Exercise data START
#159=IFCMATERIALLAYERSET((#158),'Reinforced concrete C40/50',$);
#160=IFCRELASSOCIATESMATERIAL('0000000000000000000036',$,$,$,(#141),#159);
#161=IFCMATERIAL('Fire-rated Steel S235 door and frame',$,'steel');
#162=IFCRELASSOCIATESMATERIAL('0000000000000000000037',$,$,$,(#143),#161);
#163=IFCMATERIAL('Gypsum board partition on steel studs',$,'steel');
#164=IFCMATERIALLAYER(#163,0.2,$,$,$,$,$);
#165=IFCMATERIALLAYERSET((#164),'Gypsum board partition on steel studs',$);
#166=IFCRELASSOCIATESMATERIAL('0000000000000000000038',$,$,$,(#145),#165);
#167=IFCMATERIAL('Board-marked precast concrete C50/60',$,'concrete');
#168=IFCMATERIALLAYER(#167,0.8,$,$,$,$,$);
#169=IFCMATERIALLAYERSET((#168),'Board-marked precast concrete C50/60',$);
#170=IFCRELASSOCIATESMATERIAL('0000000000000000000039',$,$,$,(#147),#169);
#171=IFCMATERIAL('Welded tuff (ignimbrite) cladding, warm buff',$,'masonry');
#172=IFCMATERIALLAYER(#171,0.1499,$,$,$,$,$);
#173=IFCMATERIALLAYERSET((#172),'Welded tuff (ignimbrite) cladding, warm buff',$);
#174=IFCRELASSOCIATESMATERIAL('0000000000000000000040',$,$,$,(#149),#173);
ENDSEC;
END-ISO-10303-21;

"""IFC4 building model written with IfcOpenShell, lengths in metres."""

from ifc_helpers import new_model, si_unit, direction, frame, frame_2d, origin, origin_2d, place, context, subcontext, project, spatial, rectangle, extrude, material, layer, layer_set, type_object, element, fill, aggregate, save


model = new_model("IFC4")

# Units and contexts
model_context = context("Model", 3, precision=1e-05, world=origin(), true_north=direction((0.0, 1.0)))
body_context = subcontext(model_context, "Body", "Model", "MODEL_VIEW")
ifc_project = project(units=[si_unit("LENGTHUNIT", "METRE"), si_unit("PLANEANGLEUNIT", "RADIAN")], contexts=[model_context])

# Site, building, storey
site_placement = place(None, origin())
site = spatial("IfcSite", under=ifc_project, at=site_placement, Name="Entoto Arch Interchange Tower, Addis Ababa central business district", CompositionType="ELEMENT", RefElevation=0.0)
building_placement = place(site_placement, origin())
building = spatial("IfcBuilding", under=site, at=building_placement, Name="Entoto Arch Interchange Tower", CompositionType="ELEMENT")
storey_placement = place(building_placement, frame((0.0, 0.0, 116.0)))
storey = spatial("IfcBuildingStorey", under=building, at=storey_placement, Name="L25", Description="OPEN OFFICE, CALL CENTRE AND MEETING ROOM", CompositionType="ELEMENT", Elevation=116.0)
Exercise data END
Exercise data START
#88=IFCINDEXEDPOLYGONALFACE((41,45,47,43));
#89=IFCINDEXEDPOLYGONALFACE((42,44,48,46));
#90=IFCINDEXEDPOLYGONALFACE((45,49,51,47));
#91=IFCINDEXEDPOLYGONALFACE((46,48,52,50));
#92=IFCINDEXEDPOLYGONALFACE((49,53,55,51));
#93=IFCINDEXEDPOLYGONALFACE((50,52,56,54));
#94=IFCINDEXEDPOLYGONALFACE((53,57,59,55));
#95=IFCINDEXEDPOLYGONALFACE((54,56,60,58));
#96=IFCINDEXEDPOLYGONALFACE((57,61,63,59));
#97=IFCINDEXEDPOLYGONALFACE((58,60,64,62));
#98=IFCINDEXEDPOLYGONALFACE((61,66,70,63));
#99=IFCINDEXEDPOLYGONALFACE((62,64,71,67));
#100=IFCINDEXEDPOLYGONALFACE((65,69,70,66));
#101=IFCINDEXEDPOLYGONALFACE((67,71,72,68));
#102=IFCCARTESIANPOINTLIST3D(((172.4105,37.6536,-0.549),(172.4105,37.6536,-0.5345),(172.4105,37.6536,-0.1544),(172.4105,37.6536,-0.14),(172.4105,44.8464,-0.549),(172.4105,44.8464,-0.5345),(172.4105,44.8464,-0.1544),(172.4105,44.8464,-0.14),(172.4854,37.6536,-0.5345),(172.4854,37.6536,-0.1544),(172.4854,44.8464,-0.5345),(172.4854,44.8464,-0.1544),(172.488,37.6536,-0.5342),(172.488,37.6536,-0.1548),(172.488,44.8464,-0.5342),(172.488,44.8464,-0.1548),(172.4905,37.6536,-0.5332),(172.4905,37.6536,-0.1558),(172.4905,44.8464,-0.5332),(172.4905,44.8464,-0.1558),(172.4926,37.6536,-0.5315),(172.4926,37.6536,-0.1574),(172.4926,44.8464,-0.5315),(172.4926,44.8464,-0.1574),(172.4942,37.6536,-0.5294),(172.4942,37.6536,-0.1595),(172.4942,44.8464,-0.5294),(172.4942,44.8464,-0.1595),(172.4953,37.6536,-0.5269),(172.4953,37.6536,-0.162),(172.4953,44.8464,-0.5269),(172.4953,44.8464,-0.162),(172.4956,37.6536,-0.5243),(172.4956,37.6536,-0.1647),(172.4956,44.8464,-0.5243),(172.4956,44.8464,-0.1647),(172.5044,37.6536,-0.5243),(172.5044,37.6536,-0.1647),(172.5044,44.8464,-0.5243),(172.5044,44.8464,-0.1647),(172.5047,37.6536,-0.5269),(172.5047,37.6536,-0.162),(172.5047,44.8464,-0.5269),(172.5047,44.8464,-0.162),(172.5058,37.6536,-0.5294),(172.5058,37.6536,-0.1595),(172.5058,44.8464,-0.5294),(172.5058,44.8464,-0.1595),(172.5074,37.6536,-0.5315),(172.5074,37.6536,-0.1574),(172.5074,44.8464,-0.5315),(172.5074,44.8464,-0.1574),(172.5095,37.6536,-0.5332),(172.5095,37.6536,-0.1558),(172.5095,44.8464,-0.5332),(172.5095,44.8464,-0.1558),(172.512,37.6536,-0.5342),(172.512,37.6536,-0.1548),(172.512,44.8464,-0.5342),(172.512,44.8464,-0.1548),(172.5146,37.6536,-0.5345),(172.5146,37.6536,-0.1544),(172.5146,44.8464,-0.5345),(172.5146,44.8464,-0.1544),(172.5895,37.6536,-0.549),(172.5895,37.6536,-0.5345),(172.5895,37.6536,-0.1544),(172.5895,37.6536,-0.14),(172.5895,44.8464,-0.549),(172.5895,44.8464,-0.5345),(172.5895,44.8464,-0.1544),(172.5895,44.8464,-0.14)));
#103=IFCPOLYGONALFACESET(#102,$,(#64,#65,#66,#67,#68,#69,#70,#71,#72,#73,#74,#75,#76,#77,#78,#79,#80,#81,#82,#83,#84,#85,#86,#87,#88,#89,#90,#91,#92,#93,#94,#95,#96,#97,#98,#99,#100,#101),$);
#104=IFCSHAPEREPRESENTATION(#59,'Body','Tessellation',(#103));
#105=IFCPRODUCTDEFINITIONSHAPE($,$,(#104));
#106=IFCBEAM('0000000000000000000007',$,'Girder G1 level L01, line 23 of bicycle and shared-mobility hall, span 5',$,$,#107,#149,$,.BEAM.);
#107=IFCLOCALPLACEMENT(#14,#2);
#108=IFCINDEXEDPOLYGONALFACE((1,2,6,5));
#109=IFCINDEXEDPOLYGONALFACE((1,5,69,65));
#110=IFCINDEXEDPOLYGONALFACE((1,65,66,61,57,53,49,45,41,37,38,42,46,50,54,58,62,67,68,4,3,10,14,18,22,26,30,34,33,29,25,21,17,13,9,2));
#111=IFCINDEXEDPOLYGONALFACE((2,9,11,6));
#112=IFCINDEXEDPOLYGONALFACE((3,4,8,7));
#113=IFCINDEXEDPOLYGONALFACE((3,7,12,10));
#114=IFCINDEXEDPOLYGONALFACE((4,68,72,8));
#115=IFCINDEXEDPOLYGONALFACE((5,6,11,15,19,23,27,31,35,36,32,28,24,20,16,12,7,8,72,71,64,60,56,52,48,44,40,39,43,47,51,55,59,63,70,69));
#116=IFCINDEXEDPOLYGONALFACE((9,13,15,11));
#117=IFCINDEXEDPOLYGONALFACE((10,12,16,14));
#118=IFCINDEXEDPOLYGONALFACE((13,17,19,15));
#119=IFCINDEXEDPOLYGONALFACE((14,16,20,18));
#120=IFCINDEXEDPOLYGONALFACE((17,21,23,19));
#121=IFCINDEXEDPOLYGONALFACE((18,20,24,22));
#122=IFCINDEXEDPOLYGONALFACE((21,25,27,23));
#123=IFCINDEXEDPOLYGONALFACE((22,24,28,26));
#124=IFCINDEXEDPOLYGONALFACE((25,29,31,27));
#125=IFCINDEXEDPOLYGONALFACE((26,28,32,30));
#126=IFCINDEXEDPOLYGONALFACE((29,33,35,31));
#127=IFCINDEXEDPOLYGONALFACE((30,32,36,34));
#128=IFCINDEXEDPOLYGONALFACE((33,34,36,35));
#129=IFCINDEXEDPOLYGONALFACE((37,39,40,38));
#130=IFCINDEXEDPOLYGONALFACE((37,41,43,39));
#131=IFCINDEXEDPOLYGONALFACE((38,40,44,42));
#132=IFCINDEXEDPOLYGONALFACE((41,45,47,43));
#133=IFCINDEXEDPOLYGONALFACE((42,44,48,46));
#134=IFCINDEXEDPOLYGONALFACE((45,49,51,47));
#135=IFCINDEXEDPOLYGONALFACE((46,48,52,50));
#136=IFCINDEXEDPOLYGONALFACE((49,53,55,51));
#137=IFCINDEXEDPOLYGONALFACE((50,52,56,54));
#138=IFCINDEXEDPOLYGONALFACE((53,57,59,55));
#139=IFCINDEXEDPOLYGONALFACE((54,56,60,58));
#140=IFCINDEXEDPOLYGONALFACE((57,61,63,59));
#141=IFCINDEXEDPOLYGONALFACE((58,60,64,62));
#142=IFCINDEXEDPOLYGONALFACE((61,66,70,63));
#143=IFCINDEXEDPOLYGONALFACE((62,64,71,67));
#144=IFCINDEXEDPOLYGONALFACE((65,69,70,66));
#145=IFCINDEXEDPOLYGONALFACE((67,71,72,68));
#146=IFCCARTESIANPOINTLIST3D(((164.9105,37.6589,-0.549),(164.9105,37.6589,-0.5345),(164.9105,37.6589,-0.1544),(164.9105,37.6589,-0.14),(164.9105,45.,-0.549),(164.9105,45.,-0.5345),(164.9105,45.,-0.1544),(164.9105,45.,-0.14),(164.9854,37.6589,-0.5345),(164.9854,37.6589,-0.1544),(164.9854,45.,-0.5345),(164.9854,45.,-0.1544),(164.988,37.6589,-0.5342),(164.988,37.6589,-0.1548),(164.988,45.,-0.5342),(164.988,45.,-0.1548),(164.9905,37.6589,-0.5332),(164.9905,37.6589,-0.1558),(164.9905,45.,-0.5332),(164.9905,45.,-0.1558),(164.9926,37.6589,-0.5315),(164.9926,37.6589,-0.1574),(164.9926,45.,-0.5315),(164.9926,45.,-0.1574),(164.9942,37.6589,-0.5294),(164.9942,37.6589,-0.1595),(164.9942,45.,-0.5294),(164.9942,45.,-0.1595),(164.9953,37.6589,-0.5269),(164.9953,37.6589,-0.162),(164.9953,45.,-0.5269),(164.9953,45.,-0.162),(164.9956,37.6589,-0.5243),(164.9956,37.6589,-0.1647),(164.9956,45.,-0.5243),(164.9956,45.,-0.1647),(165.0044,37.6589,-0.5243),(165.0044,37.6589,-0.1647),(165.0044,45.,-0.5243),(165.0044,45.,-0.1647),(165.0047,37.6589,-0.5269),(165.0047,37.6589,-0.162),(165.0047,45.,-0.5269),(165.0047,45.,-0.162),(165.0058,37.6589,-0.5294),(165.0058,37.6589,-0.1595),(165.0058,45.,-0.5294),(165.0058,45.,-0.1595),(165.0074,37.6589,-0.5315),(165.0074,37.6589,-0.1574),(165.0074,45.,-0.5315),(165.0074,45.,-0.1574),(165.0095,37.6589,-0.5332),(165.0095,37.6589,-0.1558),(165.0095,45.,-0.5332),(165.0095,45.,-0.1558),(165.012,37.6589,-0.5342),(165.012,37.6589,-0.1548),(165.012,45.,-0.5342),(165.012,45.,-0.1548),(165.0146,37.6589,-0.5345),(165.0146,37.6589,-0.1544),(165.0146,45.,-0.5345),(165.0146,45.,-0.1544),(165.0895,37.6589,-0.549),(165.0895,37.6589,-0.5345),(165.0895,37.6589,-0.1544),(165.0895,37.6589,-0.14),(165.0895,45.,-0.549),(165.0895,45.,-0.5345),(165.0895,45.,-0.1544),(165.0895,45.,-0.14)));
Exercise data END
### Task item
For the material above, reproduce exactly the lines from the line with "#159=IFCMATERIALLAYERSET((#158),'Reinforced concrete C40/50',$);" to the line with "#169=IFCMATERIALLAYERSET((#168),'Board-marked precast concrete", inclusive, and exclude all others.

### Result of this exercise
#159=IFCMATERIALLAYERSET((#158),'Reinforced concrete C40/50',$);
#160=IFCRELASSOCIATESMATERIAL('0000000000000000000036',$,$,$,(#141),#159);
#161=IFCMATERIAL('Fire-rated Steel S235 door and frame',$,'steel');
#162=IFCRELASSOCIATESMATERIAL('0000000000000000000037',$,$,$,(#143),#161);
#163=IFCMATERIAL('Gypsum board partition on steel studs',$,'steel');
#164=IFCMATERIALLAYER(#163,0.2,$,$,$,$,$);
#165=IFCMATERIALLAYERSET((#164),'Gypsum board partition on steel studs',$);
#166=IFCRELASSOCIATESMATERIAL('0000000000000000000038',$,$,$,(#145),#165);
#167=IFCMATERIAL('Board-marked precast concrete C50/60',$,'concrete');
#168=IFCMATERIALLAYER(#167,0.8,$,$,$,$,$);
#169=IFCMATERIALLAYERSET((#168),'Board-marked precast concrete C50/60',$);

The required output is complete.